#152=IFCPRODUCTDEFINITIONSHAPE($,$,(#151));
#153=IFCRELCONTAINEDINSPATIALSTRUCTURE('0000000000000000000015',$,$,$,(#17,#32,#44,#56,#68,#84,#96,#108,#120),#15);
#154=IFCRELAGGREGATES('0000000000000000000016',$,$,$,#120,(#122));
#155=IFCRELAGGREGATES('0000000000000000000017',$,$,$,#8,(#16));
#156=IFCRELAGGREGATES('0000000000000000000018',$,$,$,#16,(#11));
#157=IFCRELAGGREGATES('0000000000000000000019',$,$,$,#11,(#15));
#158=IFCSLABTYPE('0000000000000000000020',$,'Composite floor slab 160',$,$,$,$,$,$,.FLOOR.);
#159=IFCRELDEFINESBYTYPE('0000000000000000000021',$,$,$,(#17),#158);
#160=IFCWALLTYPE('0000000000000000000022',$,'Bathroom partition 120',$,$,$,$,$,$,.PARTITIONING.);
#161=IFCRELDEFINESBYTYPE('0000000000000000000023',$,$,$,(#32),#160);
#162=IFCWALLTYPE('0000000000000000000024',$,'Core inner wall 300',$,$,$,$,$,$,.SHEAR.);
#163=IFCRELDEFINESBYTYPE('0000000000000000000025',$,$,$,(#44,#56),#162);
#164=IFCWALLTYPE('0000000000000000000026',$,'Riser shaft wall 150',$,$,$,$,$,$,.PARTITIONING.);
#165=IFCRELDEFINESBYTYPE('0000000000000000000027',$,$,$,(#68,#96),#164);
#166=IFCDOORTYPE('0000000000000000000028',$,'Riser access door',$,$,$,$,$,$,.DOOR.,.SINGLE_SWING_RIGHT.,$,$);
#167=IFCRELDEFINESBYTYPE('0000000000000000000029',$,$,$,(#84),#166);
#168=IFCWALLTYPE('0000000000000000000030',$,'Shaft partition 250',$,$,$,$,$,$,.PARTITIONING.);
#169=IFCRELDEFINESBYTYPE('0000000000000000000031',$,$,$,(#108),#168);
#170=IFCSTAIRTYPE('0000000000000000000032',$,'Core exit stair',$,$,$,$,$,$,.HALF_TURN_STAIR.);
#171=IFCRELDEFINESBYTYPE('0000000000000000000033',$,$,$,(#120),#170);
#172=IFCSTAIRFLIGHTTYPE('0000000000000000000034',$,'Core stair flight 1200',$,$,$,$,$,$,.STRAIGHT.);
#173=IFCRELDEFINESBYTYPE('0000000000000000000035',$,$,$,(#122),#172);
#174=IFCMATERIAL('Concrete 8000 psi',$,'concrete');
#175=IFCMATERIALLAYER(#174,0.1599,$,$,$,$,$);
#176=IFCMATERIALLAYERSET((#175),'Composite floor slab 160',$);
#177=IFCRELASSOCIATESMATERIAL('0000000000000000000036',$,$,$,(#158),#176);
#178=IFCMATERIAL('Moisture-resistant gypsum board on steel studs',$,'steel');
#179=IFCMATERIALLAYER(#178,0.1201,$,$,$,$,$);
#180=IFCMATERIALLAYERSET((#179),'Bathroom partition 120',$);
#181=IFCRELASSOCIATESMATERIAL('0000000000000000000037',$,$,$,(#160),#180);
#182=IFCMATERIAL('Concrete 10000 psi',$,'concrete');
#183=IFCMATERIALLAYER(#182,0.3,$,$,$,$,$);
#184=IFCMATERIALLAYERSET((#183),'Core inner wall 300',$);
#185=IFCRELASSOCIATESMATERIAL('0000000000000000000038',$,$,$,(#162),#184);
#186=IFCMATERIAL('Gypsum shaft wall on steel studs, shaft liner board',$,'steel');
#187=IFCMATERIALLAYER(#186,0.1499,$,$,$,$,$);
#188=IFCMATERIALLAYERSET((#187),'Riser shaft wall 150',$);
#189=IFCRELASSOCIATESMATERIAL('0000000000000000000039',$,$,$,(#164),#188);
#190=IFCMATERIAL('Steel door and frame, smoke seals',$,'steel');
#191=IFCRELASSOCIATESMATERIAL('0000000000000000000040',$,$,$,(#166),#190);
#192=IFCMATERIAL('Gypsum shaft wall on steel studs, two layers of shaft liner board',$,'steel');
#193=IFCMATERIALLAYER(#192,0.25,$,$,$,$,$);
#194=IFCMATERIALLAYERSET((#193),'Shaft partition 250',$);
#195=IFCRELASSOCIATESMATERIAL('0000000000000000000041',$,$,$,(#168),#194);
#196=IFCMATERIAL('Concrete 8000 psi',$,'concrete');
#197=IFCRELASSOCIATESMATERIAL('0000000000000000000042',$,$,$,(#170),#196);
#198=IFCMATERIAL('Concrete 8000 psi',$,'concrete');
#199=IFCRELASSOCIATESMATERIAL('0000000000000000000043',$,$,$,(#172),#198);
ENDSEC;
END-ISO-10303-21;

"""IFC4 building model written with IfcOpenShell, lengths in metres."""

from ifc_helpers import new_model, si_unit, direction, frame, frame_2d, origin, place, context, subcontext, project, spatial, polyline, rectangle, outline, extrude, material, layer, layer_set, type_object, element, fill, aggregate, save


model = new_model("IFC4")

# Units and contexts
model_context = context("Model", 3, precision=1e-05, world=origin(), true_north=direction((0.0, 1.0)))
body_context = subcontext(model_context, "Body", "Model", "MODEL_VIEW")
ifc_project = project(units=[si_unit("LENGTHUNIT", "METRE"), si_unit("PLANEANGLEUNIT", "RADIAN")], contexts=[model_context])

──────────

• _Exercise directions_: The answer must consist of each line from the data that includes the string "floor".

• _Output for this exercise_:
#158=IFCSLABTYPE('0000000000000000000020',$,'Composite floor slab 160',$,$,$,$,$,$,.FLOOR.);
#176=IFCMATERIALLAYERSET((#175),'Composite floor slab 160',$);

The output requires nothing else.